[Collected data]
+ + +

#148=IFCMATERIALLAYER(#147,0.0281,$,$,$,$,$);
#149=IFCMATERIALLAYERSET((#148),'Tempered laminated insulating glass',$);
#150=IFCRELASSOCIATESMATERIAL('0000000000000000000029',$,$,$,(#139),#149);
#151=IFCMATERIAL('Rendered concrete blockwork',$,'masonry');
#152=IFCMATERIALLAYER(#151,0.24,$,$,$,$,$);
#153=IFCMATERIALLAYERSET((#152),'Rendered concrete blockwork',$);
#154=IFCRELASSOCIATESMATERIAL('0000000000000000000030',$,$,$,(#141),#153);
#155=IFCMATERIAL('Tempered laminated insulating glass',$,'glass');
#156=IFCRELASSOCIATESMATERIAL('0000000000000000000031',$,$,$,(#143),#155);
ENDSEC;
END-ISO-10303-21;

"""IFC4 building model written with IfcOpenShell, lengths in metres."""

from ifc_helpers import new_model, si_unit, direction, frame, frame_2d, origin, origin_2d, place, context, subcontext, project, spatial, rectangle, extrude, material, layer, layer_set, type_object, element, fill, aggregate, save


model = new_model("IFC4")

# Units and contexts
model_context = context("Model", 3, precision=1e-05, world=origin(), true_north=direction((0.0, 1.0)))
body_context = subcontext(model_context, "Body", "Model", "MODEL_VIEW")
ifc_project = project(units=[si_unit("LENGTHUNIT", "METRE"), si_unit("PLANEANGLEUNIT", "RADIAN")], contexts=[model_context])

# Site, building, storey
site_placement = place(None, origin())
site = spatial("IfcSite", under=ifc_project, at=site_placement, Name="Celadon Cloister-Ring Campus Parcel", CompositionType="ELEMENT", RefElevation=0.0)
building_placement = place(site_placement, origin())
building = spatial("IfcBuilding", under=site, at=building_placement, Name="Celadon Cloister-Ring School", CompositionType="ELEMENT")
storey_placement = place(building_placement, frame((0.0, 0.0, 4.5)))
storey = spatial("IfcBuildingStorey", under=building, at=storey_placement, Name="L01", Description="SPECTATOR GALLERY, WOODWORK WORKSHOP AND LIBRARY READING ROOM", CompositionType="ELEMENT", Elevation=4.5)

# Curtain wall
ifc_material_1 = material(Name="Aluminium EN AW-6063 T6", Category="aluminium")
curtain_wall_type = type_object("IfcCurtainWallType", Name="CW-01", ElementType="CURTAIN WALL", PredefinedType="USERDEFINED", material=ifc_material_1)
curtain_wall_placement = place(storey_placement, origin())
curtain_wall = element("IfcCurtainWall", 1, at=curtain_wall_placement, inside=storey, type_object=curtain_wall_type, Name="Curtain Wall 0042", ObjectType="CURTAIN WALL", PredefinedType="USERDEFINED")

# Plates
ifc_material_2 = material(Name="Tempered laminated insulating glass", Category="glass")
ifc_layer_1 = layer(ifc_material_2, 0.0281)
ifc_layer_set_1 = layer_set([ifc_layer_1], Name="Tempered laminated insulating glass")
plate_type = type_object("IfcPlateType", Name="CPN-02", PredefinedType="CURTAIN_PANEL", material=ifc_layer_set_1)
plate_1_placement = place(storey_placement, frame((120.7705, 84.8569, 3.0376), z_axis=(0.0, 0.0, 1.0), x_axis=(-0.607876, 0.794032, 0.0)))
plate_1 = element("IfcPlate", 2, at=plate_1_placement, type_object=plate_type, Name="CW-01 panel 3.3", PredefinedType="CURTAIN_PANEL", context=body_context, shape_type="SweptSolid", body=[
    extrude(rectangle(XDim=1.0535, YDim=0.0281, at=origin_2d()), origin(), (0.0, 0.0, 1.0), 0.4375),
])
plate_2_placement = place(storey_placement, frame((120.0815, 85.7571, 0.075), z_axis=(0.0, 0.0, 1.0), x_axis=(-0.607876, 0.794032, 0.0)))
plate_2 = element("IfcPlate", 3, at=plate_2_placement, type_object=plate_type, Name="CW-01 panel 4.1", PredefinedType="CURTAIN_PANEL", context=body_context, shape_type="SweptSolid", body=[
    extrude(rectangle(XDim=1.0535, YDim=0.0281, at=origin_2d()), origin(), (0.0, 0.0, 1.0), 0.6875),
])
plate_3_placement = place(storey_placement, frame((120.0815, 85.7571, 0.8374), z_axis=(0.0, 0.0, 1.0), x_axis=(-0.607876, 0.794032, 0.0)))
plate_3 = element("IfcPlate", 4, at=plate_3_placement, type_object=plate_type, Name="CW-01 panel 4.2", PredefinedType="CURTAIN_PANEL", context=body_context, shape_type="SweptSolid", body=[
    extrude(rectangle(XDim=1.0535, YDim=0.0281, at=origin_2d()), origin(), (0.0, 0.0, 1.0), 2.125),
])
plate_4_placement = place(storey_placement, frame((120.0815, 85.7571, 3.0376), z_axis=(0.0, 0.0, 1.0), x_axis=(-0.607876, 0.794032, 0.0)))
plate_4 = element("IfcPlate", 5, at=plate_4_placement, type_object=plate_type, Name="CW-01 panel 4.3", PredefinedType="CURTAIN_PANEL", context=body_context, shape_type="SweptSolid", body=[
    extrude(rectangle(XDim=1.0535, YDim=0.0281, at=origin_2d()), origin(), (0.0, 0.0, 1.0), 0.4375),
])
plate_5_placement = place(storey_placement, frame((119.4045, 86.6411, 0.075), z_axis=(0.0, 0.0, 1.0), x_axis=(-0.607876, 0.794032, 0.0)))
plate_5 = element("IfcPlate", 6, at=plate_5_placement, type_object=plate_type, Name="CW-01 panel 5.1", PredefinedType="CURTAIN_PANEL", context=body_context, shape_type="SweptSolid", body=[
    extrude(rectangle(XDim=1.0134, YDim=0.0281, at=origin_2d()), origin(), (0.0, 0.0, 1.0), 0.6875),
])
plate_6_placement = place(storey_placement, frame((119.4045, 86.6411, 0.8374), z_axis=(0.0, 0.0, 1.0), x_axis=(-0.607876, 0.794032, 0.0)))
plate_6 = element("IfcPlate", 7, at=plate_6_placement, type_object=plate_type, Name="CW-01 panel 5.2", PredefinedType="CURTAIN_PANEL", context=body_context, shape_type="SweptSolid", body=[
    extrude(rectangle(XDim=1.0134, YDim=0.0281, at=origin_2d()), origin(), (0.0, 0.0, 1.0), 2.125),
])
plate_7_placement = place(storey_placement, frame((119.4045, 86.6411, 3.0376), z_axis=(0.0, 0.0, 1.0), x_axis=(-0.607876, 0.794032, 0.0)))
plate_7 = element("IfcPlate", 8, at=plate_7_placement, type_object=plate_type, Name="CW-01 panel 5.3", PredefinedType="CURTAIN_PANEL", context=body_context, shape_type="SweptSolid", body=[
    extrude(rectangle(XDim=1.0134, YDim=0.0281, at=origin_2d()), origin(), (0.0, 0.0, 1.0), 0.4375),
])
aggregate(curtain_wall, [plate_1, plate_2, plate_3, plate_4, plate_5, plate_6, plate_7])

+ + +

■ **YOUR INSTRUCTIONS**
Extract from the data every line where "under" shows up.

■ **SOLUTION TO THE PROBLEM**
site = spatial("IfcSite", under=ifc_project, at=site_placement, Name="Celadon Cloister-Ring Campus Parcel", CompositionType="ELEMENT", RefElevation=0.0)
building = spatial("IfcBuilding", under=site, at=building_placement, Name="Celadon Cloister-Ring School", CompositionType="ELEMENT")
storey = spatial("IfcBuildingStorey", under=building, at=storey_placement, Name="L01", Description="SPECTATOR GALLERY, WOODWORK WORKSHOP AND LIBRARY READING ROOM", CompositionType="ELEMENT", Elevation=4.5)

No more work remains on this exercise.